AIM OF THE EXERCISE - Give back exactly the lines of the material below, starting with the line with "#45=IFCINDEXEDPOLYGONALFACE((41,46,48,43));" and going on through the line with "#51=IFCINDEXEDPOLYGONALFACE((55,57,58,56));".

SOURCE MATERIAL -
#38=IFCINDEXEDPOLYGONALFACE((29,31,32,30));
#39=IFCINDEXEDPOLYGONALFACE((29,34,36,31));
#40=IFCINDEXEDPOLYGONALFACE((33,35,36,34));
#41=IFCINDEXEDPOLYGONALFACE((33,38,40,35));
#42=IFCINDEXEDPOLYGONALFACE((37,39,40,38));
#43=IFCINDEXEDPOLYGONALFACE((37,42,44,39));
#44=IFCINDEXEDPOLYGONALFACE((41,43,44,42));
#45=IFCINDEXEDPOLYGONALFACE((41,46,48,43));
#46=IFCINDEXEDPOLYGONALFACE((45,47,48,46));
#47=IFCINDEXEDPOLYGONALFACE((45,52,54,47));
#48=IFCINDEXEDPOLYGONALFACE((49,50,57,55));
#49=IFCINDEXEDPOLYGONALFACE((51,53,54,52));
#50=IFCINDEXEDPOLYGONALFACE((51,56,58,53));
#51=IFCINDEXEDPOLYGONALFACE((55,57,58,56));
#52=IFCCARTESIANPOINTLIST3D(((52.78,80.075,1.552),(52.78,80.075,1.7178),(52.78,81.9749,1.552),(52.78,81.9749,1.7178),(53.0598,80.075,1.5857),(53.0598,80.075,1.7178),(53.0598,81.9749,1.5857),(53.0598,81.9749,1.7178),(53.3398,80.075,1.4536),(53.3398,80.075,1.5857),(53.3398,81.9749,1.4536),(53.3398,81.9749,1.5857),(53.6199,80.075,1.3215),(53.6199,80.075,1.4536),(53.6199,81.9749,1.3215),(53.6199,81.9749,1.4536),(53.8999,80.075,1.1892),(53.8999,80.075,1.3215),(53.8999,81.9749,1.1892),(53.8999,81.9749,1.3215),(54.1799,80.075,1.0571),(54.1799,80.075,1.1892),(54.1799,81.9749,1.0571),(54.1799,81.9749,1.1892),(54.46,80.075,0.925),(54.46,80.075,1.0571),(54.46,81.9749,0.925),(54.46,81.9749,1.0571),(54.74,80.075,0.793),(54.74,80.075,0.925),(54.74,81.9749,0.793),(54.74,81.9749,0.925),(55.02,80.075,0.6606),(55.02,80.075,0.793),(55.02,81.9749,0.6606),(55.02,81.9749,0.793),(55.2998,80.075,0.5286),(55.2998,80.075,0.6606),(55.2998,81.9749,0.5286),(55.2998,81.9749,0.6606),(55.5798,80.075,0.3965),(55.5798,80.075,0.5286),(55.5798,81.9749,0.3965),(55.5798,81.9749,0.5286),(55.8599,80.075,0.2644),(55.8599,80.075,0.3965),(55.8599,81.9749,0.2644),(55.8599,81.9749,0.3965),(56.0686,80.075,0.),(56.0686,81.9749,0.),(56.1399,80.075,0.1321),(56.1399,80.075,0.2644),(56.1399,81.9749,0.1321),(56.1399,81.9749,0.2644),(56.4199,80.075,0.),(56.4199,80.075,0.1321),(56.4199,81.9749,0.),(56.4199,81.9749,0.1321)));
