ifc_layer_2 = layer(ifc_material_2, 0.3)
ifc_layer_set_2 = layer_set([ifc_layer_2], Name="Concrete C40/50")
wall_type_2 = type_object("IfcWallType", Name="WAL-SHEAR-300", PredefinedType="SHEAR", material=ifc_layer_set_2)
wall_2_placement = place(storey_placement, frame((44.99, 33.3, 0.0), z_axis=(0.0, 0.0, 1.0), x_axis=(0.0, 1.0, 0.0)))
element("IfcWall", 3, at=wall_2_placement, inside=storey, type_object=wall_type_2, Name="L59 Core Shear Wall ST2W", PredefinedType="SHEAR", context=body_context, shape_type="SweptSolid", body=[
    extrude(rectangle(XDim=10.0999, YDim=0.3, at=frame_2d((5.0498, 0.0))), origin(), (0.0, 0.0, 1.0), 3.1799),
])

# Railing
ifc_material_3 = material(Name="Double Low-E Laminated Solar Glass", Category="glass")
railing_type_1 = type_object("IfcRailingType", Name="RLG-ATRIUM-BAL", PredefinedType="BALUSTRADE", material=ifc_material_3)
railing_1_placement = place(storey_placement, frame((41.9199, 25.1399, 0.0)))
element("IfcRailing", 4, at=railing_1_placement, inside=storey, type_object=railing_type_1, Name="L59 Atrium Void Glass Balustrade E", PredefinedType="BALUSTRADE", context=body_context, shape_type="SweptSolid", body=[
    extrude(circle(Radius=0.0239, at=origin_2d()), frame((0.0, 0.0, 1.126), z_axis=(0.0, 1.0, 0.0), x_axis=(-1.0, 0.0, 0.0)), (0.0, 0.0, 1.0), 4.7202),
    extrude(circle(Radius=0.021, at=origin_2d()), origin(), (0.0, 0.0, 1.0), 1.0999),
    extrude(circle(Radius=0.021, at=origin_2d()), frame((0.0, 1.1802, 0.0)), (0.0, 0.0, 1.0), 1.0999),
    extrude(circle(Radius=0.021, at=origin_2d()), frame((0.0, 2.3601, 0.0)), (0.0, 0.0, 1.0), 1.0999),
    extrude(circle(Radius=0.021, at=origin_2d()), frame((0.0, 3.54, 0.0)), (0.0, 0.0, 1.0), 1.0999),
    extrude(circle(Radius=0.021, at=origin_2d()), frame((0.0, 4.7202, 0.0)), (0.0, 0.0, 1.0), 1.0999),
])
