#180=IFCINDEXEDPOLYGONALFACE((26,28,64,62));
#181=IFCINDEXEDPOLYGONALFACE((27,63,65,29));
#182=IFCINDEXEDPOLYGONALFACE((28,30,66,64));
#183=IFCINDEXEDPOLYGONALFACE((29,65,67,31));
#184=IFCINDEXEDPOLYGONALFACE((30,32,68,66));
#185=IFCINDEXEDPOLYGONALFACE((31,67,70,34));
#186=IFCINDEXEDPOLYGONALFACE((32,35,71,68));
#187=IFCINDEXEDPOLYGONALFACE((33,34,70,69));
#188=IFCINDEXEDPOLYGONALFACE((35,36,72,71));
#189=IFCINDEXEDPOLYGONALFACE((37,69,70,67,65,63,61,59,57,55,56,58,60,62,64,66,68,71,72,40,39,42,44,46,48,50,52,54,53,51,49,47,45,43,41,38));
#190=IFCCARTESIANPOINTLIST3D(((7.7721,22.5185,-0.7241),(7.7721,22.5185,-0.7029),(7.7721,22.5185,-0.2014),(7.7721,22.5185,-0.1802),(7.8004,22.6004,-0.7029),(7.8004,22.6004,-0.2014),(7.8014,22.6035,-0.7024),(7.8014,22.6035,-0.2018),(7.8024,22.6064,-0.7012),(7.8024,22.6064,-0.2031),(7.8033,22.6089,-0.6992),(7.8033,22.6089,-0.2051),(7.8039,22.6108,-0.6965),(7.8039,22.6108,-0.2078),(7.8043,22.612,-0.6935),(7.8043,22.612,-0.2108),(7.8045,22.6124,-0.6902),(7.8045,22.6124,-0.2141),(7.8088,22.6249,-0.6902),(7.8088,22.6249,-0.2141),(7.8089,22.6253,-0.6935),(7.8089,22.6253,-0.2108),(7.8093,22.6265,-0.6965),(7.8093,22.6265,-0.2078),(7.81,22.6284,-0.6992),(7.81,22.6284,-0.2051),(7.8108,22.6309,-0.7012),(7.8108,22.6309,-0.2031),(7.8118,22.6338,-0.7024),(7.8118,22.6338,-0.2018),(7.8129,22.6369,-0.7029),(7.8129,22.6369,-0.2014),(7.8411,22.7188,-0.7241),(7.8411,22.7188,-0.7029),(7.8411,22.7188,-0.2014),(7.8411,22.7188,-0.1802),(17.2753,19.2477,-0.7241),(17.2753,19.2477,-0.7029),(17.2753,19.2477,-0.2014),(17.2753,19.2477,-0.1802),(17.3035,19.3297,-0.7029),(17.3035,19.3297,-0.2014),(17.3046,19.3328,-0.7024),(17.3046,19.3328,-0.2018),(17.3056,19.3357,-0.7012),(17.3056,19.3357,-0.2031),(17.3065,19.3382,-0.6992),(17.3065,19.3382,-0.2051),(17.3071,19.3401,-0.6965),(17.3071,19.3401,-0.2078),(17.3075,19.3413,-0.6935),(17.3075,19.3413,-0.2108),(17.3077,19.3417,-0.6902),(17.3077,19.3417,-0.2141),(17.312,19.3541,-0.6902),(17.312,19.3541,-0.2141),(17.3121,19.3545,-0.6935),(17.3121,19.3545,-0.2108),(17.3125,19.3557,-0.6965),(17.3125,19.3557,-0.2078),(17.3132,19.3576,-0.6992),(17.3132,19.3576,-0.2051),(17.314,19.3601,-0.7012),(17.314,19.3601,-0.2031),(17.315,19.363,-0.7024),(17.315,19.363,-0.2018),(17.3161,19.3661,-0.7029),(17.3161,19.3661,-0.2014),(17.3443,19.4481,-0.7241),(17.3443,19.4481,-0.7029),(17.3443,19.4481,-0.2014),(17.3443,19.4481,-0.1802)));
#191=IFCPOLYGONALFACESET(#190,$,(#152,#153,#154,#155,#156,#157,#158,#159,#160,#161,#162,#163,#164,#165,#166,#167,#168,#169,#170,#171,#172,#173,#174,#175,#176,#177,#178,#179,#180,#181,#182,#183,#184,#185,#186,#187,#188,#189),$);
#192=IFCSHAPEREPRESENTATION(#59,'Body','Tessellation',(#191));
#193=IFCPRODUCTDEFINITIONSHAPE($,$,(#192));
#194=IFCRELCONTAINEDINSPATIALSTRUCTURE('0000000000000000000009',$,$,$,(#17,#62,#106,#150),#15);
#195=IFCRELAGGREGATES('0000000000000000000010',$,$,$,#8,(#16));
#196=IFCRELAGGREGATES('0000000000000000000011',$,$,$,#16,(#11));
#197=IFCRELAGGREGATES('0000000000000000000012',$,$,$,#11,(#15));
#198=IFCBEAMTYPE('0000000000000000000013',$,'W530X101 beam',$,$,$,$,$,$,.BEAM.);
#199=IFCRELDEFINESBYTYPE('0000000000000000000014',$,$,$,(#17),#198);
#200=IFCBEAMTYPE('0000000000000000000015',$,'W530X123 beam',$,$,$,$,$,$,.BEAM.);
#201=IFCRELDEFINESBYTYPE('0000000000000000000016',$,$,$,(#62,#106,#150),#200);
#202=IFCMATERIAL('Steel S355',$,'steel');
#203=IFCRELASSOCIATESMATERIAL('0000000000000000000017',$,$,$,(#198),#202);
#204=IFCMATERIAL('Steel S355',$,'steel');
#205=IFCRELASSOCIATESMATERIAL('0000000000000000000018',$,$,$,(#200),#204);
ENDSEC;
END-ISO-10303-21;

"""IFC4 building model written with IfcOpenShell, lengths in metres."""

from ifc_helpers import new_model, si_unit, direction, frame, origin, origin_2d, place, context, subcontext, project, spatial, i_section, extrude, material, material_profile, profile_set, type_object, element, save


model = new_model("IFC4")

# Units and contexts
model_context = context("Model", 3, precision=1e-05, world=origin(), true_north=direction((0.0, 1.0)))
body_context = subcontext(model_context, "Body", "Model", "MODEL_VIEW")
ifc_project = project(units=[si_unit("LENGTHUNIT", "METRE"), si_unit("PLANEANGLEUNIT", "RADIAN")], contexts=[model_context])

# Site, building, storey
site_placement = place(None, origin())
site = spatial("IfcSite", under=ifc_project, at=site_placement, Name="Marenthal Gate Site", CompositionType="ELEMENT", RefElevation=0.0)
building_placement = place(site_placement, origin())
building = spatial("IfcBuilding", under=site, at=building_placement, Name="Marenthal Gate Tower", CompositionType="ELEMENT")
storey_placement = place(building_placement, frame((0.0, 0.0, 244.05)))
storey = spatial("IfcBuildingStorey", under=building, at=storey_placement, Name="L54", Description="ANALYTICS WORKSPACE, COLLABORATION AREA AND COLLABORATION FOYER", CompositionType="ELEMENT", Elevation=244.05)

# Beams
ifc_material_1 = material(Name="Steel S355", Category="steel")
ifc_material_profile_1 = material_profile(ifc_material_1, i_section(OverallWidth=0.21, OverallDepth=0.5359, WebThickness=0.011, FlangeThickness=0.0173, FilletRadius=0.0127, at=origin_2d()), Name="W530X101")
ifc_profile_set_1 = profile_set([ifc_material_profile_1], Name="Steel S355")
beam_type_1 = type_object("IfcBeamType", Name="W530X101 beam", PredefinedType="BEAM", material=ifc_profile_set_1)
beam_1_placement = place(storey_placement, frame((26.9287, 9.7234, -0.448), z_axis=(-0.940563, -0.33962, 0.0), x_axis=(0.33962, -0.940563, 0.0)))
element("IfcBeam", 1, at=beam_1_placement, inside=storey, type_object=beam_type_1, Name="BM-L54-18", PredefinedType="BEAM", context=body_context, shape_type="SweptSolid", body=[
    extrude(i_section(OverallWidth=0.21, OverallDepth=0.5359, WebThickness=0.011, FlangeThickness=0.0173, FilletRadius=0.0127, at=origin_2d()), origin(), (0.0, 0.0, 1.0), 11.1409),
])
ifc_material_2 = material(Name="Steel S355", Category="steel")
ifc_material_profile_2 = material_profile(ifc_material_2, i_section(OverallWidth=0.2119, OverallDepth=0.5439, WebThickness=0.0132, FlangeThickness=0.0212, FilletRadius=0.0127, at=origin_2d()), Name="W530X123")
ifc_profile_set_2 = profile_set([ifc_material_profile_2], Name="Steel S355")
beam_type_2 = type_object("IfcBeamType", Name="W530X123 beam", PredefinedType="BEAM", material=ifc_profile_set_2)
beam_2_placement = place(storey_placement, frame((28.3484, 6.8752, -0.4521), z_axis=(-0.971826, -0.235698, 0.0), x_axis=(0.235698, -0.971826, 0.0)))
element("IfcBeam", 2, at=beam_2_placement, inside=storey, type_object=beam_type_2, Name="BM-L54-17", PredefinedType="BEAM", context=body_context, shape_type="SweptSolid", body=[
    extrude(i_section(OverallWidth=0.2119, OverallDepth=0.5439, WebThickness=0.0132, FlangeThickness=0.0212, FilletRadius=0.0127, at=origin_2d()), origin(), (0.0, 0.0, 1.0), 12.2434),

RESULT FOR THIS TASK -
#45=IFCINDEXEDPOLYGONALFACE((41,46,48,43));
#46=IFCINDEXEDPOLYGONALFACE((45,47,48,46));
#47=IFCINDEXEDPOLYGONALFACE((45,52,54,47));
#48=IFCINDEXEDPOLYGONALFACE((49,50,57,55));
#49=IFCINDEXEDPOLYGONALFACE((51,53,54,52));
#50=IFCINDEXEDPOLYGONALFACE((51,56,58,53));
#51=IFCINDEXEDPOLYGONALFACE((55,57,58,56));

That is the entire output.